--- Records supplied ---

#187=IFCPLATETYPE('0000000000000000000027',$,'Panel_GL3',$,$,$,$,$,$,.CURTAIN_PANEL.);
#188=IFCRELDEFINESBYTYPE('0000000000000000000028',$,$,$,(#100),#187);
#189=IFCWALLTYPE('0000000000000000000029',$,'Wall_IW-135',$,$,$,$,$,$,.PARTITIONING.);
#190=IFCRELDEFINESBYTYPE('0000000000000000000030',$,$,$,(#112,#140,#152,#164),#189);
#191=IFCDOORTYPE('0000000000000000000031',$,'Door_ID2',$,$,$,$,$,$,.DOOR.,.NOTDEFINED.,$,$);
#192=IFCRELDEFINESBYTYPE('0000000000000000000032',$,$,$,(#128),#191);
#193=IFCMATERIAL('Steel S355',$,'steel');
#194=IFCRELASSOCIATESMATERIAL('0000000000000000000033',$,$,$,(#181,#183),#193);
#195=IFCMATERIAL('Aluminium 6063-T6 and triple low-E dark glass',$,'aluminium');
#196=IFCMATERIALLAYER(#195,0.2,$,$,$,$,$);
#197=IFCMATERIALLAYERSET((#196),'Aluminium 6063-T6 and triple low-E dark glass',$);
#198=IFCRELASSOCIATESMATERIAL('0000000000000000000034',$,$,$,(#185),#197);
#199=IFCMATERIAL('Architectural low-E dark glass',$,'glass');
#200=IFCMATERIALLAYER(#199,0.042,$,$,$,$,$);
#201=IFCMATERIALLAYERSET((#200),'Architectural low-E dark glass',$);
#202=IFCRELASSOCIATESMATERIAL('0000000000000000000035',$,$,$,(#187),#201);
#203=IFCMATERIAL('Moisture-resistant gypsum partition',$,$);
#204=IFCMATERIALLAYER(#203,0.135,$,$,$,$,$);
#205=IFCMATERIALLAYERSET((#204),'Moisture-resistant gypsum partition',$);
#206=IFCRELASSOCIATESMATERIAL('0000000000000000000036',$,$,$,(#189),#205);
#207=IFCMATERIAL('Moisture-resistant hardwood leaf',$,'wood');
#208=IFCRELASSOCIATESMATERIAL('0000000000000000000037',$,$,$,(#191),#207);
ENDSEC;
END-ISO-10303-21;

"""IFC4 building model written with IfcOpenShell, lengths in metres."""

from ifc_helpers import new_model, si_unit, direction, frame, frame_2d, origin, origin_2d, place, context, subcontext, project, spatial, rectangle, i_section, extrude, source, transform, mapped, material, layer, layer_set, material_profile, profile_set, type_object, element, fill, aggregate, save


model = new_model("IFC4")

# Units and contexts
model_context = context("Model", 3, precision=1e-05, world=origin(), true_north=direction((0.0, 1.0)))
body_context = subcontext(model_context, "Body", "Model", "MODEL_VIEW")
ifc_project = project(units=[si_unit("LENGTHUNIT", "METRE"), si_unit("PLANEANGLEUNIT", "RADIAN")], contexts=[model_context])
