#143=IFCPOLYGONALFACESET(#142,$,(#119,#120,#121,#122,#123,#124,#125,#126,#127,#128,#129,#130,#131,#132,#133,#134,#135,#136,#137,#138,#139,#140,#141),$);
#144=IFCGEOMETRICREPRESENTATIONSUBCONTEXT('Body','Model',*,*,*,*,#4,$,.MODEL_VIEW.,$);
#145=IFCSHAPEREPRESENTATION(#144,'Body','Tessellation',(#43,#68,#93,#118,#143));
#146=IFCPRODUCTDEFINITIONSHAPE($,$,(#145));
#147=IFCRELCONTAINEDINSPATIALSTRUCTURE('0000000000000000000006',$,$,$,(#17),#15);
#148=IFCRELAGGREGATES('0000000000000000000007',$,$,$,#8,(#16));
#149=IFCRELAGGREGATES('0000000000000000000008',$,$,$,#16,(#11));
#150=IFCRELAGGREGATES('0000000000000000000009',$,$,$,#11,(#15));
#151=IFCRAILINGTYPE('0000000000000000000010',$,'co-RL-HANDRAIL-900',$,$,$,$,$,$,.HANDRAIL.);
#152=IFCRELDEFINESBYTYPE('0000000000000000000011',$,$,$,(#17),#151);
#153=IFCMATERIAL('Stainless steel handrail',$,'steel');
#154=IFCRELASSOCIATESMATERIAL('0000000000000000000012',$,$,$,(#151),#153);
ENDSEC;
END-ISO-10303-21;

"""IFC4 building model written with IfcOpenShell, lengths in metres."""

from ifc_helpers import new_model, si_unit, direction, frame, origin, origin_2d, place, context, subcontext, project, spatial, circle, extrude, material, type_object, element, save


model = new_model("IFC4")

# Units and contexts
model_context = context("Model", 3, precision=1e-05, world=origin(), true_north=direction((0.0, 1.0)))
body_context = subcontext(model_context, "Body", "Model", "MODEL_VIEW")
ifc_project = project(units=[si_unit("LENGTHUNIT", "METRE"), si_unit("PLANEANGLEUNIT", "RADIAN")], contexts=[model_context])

---

* Your task
Transcribe the entries above, every line exactly as it reads.

* Response to the exercise
#187=IFCPLATETYPE('0000000000000000000027',$,'Panel_GL3',$,$,$,$,$,$,.CURTAIN_PANEL.);
#188=IFCRELDEFINESBYTYPE('0000000000000000000028',$,$,$,(#100),#187);
#189=IFCWALLTYPE('0000000000000000000029',$,'Wall_IW-135',$,$,$,$,$,$,.PARTITIONING.);
#190=IFCRELDEFINESBYTYPE('0000000000000000000030',$,$,$,(#112,#140,#152,#164),#189);
#191=IFCDOORTYPE('0000000000000000000031',$,'Door_ID2',$,$,$,$,$,$,.DOOR.,.NOTDEFINED.,$,$);
#192=IFCRELDEFINESBYTYPE('0000000000000000000032',$,$,$,(#128),#191);
#193=IFCMATERIAL('Steel S355',$,'steel');
#194=IFCRELASSOCIATESMATERIAL('0000000000000000000033',$,$,$,(#181,#183),#193);
#195=IFCMATERIAL('Aluminium 6063-T6 and triple low-E dark glass',$,'aluminium');
#196=IFCMATERIALLAYER(#195,0.2,$,$,$,$,$);
#197=IFCMATERIALLAYERSET((#196),'Aluminium 6063-T6 and triple low-E dark glass',$);
#198=IFCRELASSOCIATESMATERIAL('0000000000000000000034',$,$,$,(#185),#197);
#199=IFCMATERIAL('Architectural low-E dark glass',$,'glass');
#200=IFCMATERIALLAYER(#199,0.042,$,$,$,$,$);
#201=IFCMATERIALLAYERSET((#200),'Architectural low-E dark glass',$);
#202=IFCRELASSOCIATESMATERIAL('0000000000000000000035',$,$,$,(#187),#201);
#203=IFCMATERIAL('Moisture-resistant gypsum partition',$,$);
#204=IFCMATERIALLAYER(#203,0.135,$,$,$,$,$);
#205=IFCMATERIALLAYERSET((#204),'Moisture-resistant gypsum partition',$);
#206=IFCRELASSOCIATESMATERIAL('0000000000000000000036',$,$,$,(#189),#205);
#207=IFCMATERIAL('Moisture-resistant hardwood leaf',$,'wood');
#208=IFCRELASSOCIATESMATERIAL('0000000000000000000037',$,$,$,(#191),#207);
ENDSEC;
END-ISO-10303-21;

"""IFC4 building model written with IfcOpenShell, lengths in metres."""

from ifc_helpers import new_model, si_unit, direction, frame, frame_2d, origin, origin_2d, place, context, subcontext, project, spatial, rectangle, i_section, extrude, source, transform, mapped, material, layer, layer_set, material_profile, profile_set, type_object, element, fill, aggregate, save


model = new_model("IFC4")

# Units and contexts
model_context = context("Model", 3, precision=1e-05, world=origin(), true_north=direction((0.0, 1.0)))
body_context = subcontext(model_context, "Body", "Model", "MODEL_VIEW")
ifc_project = project(units=[si_unit("LENGTHUNIT", "METRE"), si_unit("PLANEANGLEUNIT", "RADIAN")], contexts=[model_context])
#143=IFCPOLYGONALFACESET(#142,$,(#119,#120,#121,#122,#123,#124,#125,#126,#127,#128,#129,#130,#131,#132,#133,#134,#135,#136,#137,#138,#139,#140,#141),$);
#144=IFCGEOMETRICREPRESENTATIONSUBCONTEXT('Body','Model',*,*,*,*,#4,$,.MODEL_VIEW.,$);
#145=IFCSHAPEREPRESENTATION(#144,'Body','Tessellation',(#43,#68,#93,#118,#143));
#146=IFCPRODUCTDEFINITIONSHAPE($,$,(#145));
#147=IFCRELCONTAINEDINSPATIALSTRUCTURE('0000000000000000000006',$,$,$,(#17),#15);
#148=IFCRELAGGREGATES('0000000000000000000007',$,$,$,#8,(#16));
#149=IFCRELAGGREGATES('0000000000000000000008',$,$,$,#16,(#11));
#150=IFCRELAGGREGATES('0000000000000000000009',$,$,$,#11,(#15));
#151=IFCRAILINGTYPE('0000000000000000000010',$,'co-RL-HANDRAIL-900',$,$,$,$,$,$,.HANDRAIL.);
#152=IFCRELDEFINESBYTYPE('0000000000000000000011',$,$,$,(#17),#151);
#153=IFCMATERIAL('Stainless steel handrail',$,'steel');
#154=IFCRELASSOCIATESMATERIAL('0000000000000000000012',$,$,$,(#151),#153);
ENDSEC;
END-ISO-10303-21;

"""IFC4 building model written with IfcOpenShell, lengths in metres."""

from ifc_helpers import new_model, si_unit, direction, frame, origin, origin_2d, place, context, subcontext, project, spatial, circle, extrude, material, type_object, element, save


model = new_model("IFC4")

# Units and contexts
model_context = context("Model", 3, precision=1e-05, world=origin(), true_north=direction((0.0, 1.0)))
body_context = subcontext(model_context, "Body", "Model", "MODEL_VIEW")
ifc_project = project(units=[si_unit("LENGTHUNIT", "METRE"), si_unit("PLANEANGLEUNIT", "RADIAN")], contexts=[model_context])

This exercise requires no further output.